TASK DESCRIPTION
Below are the records; restate word for word the lines from the first through the one containing "#161=IFCINDEXEDPOLYGONALFACE((5,7,8,6));", and only those.

Stored data entries
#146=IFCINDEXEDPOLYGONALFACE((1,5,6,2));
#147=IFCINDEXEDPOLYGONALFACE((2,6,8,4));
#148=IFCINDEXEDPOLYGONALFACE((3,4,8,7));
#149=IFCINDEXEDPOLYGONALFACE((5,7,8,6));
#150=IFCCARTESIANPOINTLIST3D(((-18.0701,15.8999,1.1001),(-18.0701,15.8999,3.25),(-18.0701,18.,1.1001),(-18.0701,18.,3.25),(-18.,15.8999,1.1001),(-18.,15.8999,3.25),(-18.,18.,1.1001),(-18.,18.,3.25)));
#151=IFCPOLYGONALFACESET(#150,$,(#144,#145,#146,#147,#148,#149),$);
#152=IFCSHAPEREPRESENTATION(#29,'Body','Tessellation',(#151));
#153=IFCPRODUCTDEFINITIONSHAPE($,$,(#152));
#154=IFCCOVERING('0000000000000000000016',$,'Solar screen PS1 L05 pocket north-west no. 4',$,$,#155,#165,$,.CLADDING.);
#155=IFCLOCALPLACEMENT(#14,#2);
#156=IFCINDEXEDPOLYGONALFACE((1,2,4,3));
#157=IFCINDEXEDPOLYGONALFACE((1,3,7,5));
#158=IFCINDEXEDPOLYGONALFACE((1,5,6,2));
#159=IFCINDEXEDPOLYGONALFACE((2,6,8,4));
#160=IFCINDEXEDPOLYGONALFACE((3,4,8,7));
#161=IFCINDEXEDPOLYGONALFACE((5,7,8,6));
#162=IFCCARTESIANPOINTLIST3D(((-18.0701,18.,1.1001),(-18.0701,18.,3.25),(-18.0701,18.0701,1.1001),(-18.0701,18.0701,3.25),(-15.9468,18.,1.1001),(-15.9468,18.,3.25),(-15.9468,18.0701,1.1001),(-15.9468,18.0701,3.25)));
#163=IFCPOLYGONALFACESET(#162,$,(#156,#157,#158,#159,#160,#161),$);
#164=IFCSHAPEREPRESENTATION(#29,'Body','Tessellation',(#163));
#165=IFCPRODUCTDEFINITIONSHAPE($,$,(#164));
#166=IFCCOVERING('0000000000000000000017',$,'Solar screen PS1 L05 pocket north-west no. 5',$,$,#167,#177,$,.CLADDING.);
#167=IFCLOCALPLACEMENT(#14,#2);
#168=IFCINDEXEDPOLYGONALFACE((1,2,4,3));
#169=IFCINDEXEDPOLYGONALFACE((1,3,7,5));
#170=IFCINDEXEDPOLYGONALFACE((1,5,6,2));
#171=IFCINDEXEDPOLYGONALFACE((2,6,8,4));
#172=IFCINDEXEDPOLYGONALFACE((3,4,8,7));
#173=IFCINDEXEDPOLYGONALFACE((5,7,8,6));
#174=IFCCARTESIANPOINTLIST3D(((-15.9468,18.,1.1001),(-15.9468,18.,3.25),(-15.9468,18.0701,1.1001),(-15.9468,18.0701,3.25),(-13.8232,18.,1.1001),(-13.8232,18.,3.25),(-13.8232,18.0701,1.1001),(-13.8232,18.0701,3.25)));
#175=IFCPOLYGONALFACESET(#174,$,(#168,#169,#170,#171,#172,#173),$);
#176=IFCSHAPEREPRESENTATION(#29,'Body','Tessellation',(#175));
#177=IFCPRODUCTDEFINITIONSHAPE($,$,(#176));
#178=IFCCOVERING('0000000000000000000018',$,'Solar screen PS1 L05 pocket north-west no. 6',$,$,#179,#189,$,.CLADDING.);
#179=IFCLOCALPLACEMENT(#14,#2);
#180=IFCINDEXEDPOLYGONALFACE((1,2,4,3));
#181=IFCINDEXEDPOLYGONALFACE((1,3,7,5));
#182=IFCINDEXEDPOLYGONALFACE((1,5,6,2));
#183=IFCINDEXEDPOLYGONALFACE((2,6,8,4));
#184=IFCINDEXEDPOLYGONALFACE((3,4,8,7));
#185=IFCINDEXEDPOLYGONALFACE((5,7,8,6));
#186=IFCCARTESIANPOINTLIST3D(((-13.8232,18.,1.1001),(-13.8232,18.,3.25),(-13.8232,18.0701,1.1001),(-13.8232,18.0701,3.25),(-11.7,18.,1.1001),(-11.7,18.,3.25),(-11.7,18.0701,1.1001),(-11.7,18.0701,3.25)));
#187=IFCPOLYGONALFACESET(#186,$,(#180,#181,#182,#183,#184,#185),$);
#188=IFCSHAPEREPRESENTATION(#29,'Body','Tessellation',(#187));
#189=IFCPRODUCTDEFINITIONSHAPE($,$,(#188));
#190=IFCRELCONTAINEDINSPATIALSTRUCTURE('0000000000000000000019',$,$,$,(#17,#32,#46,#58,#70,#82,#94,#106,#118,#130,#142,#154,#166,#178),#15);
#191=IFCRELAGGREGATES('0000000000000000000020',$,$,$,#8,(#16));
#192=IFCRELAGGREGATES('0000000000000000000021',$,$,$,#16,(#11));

TASK RESULT
#146=IFCINDEXEDPOLYGONALFACE((1,5,6,2));
#147=IFCINDEXEDPOLYGONALFACE((2,6,8,4));
#148=IFCINDEXEDPOLYGONALFACE((3,4,8,7));
#149=IFCINDEXEDPOLYGONALFACE((5,7,8,6));
#150=IFCCARTESIANPOINTLIST3D(((-18.0701,15.8999,1.1001),(-18.0701,15.8999,3.25),(-18.0701,18.,1.1001),(-18.0701,18.,3.25),(-18.,15.8999,1.1001),(-18.,15.8999,3.25),(-18.,18.,1.1001),(-18.,18.,3.25)));
#151=IFCPOLYGONALFACESET(#150,$,(#144,#145,#146,#147,#148,#149),$);
#152=IFCSHAPEREPRESENTATION(#29,'Body','Tessellation',(#151));
#153=IFCPRODUCTDEFINITIONSHAPE($,$,(#152));
#154=IFCCOVERING('0000000000000000000016',$,'Solar screen PS1 L05 pocket north-west no. 4',$,$,#155,#165,$,.CLADDING.);
#155=IFCLOCALPLACEMENT(#14,#2);
#156=IFCINDEXEDPOLYGONALFACE((1,2,4,3));
#157=IFCINDEXEDPOLYGONALFACE((1,3,7,5));
#158=IFCINDEXEDPOLYGONALFACE((1,5,6,2));
#159=IFCINDEXEDPOLYGONALFACE((2,6,8,4));
#160=IFCINDEXEDPOLYGONALFACE((3,4,8,7));
#161=IFCINDEXEDPOLYGONALFACE((5,7,8,6));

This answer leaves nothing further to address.